*WORK REQUIRED*: Where the line with "site_placement = place(None, origin())" appears below, start writing out lines exactly, and finish with the line with "building_placement = place(site_placement, origin())", which is included; write out nothing else.
====
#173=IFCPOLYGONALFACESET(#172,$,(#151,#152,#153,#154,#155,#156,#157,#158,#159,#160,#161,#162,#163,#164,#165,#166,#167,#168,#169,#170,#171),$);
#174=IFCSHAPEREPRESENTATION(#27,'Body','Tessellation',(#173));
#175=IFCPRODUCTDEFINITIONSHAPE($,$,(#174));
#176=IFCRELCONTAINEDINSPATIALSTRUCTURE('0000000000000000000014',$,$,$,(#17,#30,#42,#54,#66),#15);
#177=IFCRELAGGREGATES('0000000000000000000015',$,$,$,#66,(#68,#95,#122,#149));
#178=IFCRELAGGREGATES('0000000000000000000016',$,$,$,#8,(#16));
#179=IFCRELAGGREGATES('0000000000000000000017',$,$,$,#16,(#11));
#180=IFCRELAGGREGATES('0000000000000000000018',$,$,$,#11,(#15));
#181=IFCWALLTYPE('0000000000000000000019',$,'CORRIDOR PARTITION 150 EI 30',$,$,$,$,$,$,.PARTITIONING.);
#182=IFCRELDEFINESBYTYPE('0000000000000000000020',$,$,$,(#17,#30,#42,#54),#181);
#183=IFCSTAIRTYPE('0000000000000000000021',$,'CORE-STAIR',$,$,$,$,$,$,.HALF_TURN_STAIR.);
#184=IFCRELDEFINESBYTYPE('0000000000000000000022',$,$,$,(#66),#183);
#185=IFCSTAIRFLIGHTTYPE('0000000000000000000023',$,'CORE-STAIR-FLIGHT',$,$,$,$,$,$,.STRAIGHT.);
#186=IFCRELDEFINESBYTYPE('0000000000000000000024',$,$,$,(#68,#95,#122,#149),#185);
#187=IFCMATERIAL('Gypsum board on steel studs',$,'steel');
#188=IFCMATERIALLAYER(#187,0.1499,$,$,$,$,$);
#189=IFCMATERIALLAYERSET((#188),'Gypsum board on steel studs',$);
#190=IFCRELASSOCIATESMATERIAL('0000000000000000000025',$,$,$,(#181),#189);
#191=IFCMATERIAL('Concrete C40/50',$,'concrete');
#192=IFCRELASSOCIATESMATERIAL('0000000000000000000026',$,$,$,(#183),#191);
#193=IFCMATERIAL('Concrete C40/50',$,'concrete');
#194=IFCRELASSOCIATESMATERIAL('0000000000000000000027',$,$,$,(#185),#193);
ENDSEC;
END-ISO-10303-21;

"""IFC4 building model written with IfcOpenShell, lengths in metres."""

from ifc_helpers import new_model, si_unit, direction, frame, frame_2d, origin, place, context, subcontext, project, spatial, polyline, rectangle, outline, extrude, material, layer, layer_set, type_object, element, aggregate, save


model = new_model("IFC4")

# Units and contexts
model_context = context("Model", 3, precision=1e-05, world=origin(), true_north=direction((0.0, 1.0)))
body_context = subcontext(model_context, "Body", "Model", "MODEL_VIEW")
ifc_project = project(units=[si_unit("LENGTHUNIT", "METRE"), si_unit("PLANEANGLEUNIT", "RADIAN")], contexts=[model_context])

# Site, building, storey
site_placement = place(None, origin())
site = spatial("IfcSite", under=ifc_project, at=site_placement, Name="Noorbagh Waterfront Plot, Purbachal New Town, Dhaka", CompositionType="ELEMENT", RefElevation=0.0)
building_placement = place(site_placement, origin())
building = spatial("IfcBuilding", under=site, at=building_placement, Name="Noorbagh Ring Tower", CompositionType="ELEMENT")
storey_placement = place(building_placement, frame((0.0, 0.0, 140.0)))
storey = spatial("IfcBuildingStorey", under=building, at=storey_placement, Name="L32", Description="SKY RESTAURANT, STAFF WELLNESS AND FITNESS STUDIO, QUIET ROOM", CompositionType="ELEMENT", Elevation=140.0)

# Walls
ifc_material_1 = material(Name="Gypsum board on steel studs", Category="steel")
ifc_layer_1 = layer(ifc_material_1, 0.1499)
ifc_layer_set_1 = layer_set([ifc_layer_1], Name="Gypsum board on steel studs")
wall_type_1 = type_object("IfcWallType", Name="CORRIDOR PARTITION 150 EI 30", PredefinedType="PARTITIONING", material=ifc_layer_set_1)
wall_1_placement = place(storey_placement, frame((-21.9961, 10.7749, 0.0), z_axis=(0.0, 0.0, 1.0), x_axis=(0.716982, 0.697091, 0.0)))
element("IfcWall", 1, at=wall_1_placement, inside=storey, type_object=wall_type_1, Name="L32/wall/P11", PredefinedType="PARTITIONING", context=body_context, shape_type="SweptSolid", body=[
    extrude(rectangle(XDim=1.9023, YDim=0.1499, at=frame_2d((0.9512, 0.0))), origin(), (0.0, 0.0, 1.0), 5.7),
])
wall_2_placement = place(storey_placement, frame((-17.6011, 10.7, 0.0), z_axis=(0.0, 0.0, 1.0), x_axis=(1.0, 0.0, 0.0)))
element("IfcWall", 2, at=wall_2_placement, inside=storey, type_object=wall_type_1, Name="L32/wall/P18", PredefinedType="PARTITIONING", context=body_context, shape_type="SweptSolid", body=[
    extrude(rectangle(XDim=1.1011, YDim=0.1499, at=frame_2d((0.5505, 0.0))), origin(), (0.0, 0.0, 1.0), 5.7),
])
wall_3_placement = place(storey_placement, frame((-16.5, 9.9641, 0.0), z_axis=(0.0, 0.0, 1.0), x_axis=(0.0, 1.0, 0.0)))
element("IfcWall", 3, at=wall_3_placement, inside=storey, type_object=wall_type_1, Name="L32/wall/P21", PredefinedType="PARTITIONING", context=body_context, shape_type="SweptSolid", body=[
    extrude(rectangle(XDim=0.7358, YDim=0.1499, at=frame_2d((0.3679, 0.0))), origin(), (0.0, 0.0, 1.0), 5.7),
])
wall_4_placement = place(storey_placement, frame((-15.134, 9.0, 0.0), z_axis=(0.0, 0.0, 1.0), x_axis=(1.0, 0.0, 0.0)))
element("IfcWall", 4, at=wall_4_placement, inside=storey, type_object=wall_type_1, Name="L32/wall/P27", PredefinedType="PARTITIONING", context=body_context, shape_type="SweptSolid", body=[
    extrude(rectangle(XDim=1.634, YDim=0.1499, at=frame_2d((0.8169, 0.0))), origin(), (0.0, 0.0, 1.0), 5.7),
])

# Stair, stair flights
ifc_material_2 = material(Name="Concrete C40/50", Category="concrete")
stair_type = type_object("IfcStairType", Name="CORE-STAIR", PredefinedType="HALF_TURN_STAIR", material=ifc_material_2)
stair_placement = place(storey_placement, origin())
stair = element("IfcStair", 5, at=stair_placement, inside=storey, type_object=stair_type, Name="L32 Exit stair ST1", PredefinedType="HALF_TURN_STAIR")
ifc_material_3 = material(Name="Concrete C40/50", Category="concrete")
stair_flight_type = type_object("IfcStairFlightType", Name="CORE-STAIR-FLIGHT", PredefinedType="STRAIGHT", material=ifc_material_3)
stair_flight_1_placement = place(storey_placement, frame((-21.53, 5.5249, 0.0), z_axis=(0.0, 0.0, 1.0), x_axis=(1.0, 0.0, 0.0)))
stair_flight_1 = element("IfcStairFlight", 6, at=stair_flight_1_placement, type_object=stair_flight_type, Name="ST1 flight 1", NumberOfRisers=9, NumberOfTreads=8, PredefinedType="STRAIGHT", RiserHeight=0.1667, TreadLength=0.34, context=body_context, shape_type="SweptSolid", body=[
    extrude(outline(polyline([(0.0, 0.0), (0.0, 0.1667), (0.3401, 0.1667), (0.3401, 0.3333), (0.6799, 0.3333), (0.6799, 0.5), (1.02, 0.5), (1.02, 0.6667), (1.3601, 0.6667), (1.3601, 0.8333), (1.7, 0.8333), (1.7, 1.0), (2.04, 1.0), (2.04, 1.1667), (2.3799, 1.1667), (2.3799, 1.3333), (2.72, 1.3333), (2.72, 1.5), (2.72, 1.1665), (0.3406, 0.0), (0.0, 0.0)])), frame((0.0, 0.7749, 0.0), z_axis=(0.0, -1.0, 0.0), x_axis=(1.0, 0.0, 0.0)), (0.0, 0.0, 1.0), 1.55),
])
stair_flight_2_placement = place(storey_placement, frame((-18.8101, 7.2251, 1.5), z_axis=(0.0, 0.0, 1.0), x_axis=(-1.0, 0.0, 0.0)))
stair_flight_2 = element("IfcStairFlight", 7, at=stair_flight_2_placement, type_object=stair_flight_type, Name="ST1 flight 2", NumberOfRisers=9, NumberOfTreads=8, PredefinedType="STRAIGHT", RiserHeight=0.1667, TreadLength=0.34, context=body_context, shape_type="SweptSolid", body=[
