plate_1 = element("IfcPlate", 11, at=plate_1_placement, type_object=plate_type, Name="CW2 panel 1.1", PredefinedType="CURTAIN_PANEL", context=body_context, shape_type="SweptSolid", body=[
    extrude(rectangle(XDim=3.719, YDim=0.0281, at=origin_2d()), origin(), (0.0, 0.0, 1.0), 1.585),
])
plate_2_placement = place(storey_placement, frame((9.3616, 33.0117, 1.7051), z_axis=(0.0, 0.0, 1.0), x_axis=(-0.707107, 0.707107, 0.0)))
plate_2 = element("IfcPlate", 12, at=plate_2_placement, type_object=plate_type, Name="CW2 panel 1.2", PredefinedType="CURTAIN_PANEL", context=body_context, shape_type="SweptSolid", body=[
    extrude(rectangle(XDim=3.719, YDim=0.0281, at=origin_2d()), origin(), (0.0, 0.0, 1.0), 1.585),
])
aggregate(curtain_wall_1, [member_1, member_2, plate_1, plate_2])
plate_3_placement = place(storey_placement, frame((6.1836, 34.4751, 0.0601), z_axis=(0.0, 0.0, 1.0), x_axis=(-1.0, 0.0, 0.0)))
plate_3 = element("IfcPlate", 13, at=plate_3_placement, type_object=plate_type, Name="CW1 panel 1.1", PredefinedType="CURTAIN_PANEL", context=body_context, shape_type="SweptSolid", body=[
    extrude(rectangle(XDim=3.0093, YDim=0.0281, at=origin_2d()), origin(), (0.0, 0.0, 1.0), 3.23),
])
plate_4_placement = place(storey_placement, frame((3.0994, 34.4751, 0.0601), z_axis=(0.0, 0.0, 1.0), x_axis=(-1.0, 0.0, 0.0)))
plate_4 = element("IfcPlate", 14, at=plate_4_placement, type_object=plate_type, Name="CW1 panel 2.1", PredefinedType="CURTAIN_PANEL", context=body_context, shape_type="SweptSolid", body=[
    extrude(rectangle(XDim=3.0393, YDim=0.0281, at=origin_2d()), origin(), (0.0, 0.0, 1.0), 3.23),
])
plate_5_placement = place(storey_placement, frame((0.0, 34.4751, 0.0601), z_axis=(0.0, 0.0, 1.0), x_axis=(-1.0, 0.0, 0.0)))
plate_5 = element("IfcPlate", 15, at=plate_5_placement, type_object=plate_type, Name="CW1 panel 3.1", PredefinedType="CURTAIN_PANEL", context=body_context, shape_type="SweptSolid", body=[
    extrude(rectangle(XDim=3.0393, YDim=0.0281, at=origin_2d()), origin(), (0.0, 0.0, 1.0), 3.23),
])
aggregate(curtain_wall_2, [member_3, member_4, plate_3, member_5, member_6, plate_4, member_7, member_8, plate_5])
====
*ANSWER TO THIS PROBLEM*:
site_placement = place(None, origin())
site = spatial("IfcSite", under=ifc_project, at=site_placement, Name="Noorbagh Waterfront Plot, Purbachal New Town, Dhaka", CompositionType="ELEMENT", RefElevation=0.0)
building_placement = place(site_placement, origin())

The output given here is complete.